Saved data entries:
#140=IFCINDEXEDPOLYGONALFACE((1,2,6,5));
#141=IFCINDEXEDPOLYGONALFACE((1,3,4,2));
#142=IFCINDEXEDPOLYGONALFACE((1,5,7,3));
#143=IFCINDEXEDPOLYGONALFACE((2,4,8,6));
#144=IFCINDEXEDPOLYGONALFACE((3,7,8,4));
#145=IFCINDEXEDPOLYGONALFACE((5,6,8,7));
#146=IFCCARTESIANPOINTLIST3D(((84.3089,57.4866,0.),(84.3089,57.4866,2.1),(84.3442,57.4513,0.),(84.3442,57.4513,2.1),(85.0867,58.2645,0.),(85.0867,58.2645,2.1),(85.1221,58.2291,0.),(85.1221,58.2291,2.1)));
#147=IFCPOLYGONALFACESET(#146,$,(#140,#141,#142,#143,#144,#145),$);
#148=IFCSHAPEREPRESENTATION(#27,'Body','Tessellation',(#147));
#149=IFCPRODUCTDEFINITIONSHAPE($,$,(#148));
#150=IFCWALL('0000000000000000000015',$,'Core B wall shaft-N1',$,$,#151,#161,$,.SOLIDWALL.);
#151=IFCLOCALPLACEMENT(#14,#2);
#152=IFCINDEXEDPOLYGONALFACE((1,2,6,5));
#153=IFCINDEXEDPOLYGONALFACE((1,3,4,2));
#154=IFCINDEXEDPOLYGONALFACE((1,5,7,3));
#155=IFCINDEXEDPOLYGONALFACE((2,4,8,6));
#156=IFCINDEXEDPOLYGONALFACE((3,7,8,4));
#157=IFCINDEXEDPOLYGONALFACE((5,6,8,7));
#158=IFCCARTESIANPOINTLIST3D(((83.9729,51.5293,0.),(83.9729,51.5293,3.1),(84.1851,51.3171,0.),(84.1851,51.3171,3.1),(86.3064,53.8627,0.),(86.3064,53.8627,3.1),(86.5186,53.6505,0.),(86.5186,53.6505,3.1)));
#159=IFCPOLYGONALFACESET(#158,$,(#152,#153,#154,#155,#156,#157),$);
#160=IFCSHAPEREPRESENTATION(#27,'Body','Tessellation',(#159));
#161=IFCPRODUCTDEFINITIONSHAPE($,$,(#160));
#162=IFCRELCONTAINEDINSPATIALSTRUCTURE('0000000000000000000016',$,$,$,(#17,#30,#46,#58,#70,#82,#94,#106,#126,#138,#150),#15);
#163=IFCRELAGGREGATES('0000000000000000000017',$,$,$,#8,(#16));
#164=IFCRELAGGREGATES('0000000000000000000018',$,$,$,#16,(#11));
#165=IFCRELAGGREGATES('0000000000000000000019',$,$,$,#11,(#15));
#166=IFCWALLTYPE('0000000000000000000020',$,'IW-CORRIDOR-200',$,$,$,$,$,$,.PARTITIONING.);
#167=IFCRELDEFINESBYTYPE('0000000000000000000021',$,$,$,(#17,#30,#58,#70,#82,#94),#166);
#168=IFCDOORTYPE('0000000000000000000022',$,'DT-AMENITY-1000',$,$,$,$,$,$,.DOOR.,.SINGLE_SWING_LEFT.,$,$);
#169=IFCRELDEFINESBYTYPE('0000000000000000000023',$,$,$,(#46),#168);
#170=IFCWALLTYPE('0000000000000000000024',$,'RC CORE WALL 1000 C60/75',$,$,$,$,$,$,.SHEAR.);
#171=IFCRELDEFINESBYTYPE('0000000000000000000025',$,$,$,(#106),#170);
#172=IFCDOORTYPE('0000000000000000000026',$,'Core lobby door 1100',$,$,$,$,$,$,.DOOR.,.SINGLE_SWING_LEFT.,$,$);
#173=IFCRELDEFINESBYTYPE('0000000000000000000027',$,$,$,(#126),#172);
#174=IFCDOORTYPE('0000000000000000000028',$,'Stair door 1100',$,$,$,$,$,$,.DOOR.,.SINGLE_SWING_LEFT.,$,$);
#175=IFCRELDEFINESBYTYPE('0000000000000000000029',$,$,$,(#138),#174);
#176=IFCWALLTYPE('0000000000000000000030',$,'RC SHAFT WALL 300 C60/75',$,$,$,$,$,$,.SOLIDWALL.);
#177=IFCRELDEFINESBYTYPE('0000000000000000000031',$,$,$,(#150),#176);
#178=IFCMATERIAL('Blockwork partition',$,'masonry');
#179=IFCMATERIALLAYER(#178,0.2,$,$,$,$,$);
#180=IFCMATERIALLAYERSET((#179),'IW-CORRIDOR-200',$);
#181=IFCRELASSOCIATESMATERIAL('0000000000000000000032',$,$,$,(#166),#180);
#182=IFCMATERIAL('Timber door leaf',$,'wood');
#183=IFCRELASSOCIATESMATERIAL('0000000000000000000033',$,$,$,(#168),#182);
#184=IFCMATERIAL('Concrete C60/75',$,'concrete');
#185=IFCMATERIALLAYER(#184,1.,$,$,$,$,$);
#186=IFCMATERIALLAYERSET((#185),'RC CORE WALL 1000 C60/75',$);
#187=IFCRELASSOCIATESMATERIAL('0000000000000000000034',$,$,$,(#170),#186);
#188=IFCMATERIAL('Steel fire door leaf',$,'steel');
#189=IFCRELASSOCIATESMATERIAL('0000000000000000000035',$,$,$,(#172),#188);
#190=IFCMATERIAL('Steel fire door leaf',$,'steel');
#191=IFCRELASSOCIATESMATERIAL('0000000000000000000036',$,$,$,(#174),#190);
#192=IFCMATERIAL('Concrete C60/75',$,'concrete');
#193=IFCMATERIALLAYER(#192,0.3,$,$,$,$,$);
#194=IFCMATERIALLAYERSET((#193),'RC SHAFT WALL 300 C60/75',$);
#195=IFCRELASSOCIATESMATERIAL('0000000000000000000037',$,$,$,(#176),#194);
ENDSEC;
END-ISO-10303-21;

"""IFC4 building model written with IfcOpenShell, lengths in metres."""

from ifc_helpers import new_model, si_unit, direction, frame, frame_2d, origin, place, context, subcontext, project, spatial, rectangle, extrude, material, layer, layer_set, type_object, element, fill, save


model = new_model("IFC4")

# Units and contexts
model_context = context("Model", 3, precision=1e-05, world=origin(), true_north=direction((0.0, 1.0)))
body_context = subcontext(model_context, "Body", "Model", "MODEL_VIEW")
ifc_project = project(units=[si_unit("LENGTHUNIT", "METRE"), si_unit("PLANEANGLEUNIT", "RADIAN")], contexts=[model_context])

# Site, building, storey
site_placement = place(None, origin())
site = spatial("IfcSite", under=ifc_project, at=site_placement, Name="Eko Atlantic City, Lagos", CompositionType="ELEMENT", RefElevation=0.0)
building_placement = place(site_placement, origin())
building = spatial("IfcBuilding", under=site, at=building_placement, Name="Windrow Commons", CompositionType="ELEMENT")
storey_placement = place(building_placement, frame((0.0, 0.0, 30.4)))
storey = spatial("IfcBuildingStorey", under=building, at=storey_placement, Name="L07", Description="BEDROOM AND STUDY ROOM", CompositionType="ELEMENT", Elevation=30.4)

Task directions: What you return must be the lines above that run from the line with "#149=IFCPRODUCTDEFINITIONSHAPE($,$,(#148));" to the line with "#155=IFCINDEXEDPOLYGONALFACE((2,4,8,6));", inclusive, each copied exactly.

Written response:
#149=IFCPRODUCTDEFINITIONSHAPE($,$,(#148));
#150=IFCWALL('0000000000000000000015',$,'Core B wall shaft-N1',$,$,#151,#161,$,.SOLIDWALL.);
#151=IFCLOCALPLACEMENT(#14,#2);
#152=IFCINDEXEDPOLYGONALFACE((1,2,6,5));
#153=IFCINDEXEDPOLYGONALFACE((1,3,4,2));
#154=IFCINDEXEDPOLYGONALFACE((1,5,7,3));
#155=IFCINDEXEDPOLYGONALFACE((2,4,8,6));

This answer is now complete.